TO DO:
Retype every entry precisely and keep each line whole.
== TASK DATA ==
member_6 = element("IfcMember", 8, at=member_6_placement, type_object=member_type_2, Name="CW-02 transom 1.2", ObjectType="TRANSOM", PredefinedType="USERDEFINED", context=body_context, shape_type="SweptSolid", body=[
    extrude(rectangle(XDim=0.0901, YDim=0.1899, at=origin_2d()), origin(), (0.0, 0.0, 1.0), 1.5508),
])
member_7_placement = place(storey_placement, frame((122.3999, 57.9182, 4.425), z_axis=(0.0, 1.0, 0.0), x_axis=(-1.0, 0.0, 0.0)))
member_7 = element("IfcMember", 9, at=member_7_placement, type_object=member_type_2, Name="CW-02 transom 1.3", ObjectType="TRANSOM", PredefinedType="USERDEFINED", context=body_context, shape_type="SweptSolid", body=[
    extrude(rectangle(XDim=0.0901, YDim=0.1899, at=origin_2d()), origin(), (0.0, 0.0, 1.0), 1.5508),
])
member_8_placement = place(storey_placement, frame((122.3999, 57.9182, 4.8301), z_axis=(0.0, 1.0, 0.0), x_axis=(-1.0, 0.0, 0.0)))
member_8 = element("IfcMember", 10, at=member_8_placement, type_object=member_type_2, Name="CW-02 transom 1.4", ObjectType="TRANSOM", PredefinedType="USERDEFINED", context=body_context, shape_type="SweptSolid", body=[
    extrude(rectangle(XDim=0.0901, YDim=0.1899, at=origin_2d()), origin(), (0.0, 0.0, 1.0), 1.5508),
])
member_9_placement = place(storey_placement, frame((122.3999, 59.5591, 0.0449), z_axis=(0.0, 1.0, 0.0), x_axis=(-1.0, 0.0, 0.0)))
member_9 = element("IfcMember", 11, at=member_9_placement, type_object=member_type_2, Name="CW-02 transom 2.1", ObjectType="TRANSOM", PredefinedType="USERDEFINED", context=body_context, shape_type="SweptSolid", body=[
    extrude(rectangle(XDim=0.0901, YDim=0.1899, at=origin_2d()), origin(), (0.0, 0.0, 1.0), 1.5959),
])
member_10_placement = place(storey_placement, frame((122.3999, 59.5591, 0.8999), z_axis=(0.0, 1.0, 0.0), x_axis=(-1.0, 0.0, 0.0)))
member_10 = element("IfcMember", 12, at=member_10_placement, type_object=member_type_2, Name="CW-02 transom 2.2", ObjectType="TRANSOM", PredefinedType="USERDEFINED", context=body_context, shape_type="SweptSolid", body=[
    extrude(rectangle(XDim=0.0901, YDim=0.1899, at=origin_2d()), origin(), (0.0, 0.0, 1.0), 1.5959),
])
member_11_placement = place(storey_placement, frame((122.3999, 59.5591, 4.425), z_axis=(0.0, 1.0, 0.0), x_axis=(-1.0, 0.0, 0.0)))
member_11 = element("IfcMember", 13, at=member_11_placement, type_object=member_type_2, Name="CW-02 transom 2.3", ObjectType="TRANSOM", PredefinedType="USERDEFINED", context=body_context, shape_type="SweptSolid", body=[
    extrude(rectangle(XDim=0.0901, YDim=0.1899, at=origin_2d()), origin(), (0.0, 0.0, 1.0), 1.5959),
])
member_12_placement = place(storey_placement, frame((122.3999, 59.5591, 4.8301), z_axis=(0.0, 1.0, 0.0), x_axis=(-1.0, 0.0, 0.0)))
===
TASK RESPONSE:
member_6 = element("IfcMember", 8, at=member_6_placement, type_object=member_type_2, Name="CW-02 transom 1.2", ObjectType="TRANSOM", PredefinedType="USERDEFINED", context=body_context, shape_type="SweptSolid", body=[
    extrude(rectangle(XDim=0.0901, YDim=0.1899, at=origin_2d()), origin(), (0.0, 0.0, 1.0), 1.5508),
])
member_7_placement = place(storey_placement, frame((122.3999, 57.9182, 4.425), z_axis=(0.0, 1.0, 0.0), x_axis=(-1.0, 0.0, 0.0)))
member_7 = element("IfcMember", 9, at=member_7_placement, type_object=member_type_2, Name="CW-02 transom 1.3", ObjectType="TRANSOM", PredefinedType="USERDEFINED", context=body_context, shape_type="SweptSolid", body=[
    extrude(rectangle(XDim=0.0901, YDim=0.1899, at=origin_2d()), origin(), (0.0, 0.0, 1.0), 1.5508),
])
member_8_placement = place(storey_placement, frame((122.3999, 57.9182, 4.8301), z_axis=(0.0, 1.0, 0.0), x_axis=(-1.0, 0.0, 0.0)))
member_8 = element("IfcMember", 10, at=member_8_placement, type_object=member_type_2, Name="CW-02 transom 1.4", ObjectType="TRANSOM", PredefinedType="USERDEFINED", context=body_context, shape_type="SweptSolid", body=[
    extrude(rectangle(XDim=0.0901, YDim=0.1899, at=origin_2d()), origin(), (0.0, 0.0, 1.0), 1.5508),
])
member_9_placement = place(storey_placement, frame((122.3999, 59.5591, 0.0449), z_axis=(0.0, 1.0, 0.0), x_axis=(-1.0, 0.0, 0.0)))
member_9 = element("IfcMember", 11, at=member_9_placement, type_object=member_type_2, Name="CW-02 transom 2.1", ObjectType="TRANSOM", PredefinedType="USERDEFINED", context=body_context, shape_type="SweptSolid", body=[
    extrude(rectangle(XDim=0.0901, YDim=0.1899, at=origin_2d()), origin(), (0.0, 0.0, 1.0), 1.5959),
])
member_10_placement = place(storey_placement, frame((122.3999, 59.5591, 0.8999), z_axis=(0.0, 1.0, 0.0), x_axis=(-1.0, 0.0, 0.0)))
member_10 = element("IfcMember", 12, at=member_10_placement, type_object=member_type_2, Name="CW-02 transom 2.2", ObjectType="TRANSOM", PredefinedType="USERDEFINED", context=body_context, shape_type="SweptSolid", body=[
    extrude(rectangle(XDim=0.0901, YDim=0.1899, at=origin_2d()), origin(), (0.0, 0.0, 1.0), 1.5959),
])
member_11_placement = place(storey_placement, frame((122.3999, 59.5591, 4.425), z_axis=(0.0, 1.0, 0.0), x_axis=(-1.0, 0.0, 0.0)))
member_11 = element("IfcMember", 13, at=member_11_placement, type_object=member_type_2, Name="CW-02 transom 2.3", ObjectType="TRANSOM", PredefinedType="USERDEFINED", context=body_context, shape_type="SweptSolid", body=[
    extrude(rectangle(XDim=0.0901, YDim=0.1899, at=origin_2d()), origin(), (0.0, 0.0, 1.0), 1.5959),
])
member_12_placement = place(storey_placement, frame((122.3999, 59.5591, 4.8301), z_axis=(0.0, 1.0, 0.0), x_axis=(-1.0, 0.0, 0.0)))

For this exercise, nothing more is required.